→ **Aim of the exercise**
Copy out each line of the data holding "IFCLOCALPLACEMENT".

(Stored data entries)
────────────────────────────────────────
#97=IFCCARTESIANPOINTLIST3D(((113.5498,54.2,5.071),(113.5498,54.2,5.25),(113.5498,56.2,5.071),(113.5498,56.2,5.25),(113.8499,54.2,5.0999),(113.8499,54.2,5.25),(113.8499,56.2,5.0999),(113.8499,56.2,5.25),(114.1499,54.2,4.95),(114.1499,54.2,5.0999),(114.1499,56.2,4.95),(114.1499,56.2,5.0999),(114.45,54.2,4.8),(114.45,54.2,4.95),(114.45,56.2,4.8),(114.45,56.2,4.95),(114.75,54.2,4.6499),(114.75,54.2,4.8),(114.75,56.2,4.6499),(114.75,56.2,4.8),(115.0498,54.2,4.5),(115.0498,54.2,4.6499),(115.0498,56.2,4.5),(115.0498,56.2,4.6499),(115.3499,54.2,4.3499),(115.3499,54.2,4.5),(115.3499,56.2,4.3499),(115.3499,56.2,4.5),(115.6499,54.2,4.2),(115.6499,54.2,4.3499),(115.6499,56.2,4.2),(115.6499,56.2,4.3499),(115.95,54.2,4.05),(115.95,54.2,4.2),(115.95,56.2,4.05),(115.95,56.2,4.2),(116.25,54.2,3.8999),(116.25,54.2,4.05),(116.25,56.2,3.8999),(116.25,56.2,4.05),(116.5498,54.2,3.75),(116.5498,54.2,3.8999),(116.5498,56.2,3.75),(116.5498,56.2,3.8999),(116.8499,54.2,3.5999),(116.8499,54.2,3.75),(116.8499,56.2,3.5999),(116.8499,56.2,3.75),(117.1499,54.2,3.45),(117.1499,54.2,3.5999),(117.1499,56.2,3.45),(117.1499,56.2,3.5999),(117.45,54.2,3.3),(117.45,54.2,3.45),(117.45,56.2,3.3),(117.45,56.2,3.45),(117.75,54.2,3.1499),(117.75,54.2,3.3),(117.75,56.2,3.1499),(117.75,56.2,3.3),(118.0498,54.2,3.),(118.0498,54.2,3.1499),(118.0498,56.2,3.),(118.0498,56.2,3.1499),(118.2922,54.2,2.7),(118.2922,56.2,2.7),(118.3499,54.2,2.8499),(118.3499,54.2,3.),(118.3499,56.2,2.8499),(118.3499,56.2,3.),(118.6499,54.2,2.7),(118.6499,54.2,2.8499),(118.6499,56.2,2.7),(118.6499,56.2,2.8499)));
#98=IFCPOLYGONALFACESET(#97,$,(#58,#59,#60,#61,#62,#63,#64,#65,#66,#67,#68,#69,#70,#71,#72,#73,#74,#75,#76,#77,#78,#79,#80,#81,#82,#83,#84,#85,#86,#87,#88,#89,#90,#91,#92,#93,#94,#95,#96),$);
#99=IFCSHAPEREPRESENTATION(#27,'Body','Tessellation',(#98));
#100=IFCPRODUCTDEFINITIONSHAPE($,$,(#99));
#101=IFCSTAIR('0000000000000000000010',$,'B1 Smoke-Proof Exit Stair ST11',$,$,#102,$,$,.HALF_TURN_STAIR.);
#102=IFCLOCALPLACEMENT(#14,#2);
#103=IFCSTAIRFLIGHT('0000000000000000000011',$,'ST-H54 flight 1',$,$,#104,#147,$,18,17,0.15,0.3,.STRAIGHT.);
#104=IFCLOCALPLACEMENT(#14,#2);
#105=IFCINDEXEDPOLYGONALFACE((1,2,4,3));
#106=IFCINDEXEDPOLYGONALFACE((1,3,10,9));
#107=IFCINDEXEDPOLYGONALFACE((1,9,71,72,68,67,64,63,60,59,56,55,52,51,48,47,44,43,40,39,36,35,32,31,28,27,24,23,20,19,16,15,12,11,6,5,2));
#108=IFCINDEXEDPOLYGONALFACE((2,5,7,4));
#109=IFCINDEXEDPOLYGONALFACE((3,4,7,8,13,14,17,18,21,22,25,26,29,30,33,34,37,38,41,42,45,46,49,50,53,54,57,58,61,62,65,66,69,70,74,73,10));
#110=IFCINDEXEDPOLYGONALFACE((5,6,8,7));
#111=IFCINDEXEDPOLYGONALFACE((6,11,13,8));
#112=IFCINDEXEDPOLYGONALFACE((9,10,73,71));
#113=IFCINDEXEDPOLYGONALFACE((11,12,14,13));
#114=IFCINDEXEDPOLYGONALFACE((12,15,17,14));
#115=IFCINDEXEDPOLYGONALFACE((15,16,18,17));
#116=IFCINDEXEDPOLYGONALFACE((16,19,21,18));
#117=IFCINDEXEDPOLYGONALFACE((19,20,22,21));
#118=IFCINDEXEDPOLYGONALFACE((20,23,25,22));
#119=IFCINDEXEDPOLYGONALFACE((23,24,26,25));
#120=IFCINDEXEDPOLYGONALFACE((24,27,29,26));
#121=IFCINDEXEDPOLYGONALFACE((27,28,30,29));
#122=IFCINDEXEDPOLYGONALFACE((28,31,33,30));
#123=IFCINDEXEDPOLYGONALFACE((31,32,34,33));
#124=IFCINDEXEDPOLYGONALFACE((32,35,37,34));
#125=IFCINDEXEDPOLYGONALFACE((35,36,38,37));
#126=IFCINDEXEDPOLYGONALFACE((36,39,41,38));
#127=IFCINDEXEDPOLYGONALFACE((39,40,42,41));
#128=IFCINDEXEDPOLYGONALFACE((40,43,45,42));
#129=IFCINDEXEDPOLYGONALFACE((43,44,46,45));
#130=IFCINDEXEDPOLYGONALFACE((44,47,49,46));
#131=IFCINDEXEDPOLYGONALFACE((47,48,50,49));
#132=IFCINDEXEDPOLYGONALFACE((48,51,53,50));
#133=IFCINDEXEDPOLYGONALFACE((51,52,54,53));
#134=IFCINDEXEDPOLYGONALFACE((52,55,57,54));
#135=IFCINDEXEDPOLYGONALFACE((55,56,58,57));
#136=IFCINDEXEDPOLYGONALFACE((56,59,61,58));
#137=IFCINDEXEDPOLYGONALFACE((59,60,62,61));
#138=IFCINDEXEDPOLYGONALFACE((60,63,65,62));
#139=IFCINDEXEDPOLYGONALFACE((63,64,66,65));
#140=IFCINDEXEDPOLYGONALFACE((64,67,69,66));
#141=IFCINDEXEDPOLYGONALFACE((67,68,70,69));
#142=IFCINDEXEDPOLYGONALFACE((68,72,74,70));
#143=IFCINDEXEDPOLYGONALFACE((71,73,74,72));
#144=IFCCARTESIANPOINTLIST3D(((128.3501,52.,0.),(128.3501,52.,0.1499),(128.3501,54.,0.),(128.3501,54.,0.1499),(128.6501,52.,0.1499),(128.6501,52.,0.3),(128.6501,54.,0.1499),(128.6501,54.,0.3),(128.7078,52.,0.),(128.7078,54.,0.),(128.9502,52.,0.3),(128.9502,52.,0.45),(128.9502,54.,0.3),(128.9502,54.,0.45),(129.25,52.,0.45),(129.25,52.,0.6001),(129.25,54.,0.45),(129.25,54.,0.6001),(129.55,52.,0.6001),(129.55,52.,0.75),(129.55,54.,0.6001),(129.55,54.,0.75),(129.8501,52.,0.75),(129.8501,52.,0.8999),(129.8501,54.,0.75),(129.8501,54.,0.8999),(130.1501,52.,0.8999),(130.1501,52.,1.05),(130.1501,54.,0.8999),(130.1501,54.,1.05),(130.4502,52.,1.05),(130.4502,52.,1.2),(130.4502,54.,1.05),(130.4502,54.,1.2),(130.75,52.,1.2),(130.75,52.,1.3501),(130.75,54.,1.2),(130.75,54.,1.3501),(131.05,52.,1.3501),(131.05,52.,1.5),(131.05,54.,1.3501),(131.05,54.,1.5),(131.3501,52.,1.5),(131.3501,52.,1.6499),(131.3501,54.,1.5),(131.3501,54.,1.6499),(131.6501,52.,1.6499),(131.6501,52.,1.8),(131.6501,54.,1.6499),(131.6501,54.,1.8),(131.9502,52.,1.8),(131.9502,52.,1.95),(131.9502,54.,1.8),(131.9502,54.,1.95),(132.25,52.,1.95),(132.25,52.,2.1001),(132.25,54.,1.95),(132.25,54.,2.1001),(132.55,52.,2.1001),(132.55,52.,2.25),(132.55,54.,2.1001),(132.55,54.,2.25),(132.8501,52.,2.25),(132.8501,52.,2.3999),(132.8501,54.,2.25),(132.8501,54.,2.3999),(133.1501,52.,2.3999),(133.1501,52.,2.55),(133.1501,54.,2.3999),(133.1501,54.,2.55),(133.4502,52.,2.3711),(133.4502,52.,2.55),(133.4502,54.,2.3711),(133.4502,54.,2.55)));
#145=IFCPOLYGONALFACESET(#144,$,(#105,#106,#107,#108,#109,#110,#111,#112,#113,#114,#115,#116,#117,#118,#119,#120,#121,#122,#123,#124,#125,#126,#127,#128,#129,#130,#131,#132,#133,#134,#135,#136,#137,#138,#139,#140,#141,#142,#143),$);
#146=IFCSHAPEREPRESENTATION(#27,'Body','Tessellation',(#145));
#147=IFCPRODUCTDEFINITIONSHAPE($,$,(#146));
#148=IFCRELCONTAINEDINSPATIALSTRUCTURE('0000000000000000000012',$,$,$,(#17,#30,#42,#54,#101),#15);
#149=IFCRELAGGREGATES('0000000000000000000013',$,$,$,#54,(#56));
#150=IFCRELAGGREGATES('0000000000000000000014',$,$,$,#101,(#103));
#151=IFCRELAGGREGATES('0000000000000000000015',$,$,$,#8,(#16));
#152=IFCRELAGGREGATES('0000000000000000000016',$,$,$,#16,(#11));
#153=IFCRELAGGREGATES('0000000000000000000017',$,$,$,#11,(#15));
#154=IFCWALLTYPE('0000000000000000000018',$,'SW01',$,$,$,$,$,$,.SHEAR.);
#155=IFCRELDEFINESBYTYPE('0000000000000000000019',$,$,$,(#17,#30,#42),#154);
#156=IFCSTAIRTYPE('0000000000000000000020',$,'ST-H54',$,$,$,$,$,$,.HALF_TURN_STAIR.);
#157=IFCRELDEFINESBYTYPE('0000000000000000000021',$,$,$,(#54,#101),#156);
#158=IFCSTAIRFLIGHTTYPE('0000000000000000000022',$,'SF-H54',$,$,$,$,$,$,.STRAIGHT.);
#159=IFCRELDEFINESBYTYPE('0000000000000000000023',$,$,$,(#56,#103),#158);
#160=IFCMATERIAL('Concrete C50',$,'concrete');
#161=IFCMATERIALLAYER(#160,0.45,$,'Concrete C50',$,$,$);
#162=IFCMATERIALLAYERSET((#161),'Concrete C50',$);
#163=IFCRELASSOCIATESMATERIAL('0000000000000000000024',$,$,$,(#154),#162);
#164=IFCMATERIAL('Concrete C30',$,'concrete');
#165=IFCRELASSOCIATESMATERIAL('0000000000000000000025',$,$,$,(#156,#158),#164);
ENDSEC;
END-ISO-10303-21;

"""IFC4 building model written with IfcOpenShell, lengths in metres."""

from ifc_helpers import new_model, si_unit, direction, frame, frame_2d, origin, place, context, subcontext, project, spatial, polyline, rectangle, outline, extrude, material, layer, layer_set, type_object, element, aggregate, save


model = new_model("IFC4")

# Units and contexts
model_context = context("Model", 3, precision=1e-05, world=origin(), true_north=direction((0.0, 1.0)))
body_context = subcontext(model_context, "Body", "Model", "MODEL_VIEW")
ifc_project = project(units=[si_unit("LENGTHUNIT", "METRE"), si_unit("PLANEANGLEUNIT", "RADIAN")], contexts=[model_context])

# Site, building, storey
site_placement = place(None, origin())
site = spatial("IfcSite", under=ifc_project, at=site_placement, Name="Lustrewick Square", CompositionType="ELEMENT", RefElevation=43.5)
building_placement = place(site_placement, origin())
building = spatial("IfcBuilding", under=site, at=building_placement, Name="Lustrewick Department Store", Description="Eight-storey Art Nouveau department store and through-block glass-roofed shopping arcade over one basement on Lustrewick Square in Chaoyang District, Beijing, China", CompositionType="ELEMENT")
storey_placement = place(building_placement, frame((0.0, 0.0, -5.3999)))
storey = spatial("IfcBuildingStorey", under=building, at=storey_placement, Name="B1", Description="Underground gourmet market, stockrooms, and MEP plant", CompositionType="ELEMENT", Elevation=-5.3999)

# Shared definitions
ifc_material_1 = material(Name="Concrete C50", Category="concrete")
────────────────────────────────────────
→ **Task answer**
#102=IFCLOCALPLACEMENT(#14,#2);
#104=IFCLOCALPLACEMENT(#14,#2);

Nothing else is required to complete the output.